**To do:** The word "MULLION" marks the lines to copy; find all of them in the entries below.

**Stored data:**
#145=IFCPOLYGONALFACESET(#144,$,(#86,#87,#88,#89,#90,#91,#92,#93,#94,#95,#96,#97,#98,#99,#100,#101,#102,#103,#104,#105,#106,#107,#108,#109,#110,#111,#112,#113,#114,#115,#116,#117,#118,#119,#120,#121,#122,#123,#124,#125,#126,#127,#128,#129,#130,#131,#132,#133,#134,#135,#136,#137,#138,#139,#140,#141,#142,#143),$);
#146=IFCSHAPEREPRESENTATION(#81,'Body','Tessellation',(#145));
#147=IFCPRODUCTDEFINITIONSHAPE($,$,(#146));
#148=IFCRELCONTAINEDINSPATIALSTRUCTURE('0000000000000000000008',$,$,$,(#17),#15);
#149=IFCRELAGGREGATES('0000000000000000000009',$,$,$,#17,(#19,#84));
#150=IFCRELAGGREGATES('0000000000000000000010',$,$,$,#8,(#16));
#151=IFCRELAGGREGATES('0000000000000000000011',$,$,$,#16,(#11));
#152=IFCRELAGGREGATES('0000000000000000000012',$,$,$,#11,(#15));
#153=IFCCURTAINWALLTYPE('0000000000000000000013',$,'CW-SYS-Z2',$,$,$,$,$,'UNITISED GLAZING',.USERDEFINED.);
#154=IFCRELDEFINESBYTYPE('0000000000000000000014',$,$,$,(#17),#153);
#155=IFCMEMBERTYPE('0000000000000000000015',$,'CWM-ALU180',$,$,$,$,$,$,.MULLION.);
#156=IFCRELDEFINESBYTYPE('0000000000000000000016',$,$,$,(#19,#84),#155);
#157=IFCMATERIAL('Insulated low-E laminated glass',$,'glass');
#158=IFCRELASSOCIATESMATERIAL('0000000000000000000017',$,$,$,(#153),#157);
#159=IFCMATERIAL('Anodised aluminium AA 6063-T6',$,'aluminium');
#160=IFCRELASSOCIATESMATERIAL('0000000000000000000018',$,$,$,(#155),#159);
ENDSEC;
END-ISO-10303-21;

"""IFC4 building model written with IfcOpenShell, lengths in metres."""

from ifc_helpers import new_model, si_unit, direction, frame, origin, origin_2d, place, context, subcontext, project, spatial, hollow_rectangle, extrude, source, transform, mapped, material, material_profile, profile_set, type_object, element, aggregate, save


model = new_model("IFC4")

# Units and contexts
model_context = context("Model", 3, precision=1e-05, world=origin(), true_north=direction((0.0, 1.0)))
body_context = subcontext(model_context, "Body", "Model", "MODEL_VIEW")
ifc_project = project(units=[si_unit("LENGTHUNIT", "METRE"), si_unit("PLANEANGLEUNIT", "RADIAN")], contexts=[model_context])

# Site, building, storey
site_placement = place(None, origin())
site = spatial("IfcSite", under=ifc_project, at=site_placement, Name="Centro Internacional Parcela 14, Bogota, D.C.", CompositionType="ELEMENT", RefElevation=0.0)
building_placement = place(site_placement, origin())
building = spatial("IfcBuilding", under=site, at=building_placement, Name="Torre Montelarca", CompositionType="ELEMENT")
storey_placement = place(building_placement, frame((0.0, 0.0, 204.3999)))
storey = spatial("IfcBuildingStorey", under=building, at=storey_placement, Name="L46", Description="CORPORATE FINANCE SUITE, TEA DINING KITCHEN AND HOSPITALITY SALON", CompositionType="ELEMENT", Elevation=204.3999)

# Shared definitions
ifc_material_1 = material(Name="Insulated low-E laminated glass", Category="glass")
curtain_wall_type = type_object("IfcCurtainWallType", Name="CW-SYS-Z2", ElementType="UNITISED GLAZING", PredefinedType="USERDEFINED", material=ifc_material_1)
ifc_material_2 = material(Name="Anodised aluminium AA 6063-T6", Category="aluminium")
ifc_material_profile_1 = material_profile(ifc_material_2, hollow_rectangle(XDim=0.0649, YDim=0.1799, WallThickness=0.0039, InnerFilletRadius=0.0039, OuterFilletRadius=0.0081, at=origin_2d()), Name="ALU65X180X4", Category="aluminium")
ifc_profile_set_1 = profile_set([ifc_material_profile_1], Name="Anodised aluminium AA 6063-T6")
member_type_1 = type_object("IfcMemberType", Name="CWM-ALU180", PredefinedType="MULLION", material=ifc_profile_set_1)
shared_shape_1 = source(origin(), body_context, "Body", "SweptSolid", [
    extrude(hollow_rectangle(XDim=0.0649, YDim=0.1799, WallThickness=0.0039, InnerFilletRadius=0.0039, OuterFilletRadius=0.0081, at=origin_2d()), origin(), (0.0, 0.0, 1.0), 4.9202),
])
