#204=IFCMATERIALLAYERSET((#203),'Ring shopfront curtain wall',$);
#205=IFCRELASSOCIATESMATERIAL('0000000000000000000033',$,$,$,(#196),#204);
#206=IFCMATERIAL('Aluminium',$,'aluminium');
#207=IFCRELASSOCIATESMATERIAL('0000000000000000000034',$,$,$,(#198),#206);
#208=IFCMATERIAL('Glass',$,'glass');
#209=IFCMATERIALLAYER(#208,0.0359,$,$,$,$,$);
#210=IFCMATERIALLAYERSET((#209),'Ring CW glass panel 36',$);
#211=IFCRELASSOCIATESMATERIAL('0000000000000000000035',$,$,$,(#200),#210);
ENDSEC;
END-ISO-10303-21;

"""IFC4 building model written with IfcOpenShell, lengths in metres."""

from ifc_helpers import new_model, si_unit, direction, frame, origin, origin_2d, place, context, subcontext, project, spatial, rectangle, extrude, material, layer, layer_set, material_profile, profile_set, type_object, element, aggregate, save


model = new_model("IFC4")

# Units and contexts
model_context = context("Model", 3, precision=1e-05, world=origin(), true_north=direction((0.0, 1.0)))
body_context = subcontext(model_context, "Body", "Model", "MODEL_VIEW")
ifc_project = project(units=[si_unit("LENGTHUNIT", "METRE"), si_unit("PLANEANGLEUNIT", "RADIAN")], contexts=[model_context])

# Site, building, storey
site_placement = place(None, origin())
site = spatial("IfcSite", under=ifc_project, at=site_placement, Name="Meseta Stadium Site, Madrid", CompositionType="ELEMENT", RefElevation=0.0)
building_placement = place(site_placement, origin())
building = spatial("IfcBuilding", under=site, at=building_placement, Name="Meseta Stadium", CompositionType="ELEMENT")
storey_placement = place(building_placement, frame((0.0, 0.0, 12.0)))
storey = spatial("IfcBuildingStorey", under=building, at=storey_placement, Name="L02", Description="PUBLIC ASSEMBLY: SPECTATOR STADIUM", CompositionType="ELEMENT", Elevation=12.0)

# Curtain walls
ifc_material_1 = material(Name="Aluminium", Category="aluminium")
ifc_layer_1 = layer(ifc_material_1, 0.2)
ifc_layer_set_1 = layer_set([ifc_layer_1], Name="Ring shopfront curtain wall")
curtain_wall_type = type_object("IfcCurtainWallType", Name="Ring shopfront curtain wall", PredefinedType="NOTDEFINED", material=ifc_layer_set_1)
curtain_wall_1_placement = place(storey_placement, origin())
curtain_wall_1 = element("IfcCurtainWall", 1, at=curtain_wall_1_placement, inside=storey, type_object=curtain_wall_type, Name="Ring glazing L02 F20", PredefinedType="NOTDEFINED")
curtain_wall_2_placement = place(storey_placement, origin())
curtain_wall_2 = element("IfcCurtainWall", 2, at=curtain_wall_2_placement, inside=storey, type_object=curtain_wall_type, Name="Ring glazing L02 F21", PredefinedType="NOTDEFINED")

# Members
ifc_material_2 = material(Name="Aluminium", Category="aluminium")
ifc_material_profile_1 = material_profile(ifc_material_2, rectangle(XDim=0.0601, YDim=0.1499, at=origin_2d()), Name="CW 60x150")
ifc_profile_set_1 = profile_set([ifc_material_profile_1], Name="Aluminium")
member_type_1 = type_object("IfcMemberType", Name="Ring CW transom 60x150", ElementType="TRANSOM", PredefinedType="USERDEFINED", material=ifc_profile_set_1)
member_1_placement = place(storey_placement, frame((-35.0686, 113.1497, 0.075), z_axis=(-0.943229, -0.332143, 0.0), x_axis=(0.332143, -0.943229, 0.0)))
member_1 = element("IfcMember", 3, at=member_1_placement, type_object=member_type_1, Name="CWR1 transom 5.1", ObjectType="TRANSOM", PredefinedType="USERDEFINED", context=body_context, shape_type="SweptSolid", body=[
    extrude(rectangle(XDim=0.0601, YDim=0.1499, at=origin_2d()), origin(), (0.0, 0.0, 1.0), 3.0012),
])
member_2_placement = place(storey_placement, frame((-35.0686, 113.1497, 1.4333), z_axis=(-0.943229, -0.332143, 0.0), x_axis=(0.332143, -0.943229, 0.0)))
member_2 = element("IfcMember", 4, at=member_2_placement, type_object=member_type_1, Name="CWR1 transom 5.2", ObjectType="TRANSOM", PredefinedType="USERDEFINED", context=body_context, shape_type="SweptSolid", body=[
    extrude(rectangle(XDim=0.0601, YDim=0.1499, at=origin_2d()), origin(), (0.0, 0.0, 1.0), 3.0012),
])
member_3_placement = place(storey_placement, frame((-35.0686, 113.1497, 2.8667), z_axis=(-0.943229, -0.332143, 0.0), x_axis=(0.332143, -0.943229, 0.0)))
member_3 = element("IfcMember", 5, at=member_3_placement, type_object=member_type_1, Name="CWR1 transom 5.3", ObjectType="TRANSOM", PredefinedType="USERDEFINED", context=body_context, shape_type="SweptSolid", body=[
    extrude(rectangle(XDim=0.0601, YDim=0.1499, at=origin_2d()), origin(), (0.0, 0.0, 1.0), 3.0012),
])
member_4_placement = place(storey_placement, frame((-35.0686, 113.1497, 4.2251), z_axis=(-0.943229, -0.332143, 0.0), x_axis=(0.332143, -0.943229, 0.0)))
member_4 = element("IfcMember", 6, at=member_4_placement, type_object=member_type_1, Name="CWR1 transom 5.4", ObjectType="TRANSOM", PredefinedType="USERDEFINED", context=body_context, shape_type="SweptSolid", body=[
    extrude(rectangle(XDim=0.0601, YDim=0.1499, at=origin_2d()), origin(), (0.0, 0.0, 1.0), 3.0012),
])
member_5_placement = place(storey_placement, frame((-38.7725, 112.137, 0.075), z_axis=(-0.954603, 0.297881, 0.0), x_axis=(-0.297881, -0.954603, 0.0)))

**Response area:**
#155=IFCMEMBERTYPE('0000000000000000000015',$,'CWM-ALU180',$,$,$,$,$,$,.MULLION.);
member_type_1 = type_object("IfcMemberType", Name="CWM-ALU180", PredefinedType="MULLION", material=ifc_profile_set_1)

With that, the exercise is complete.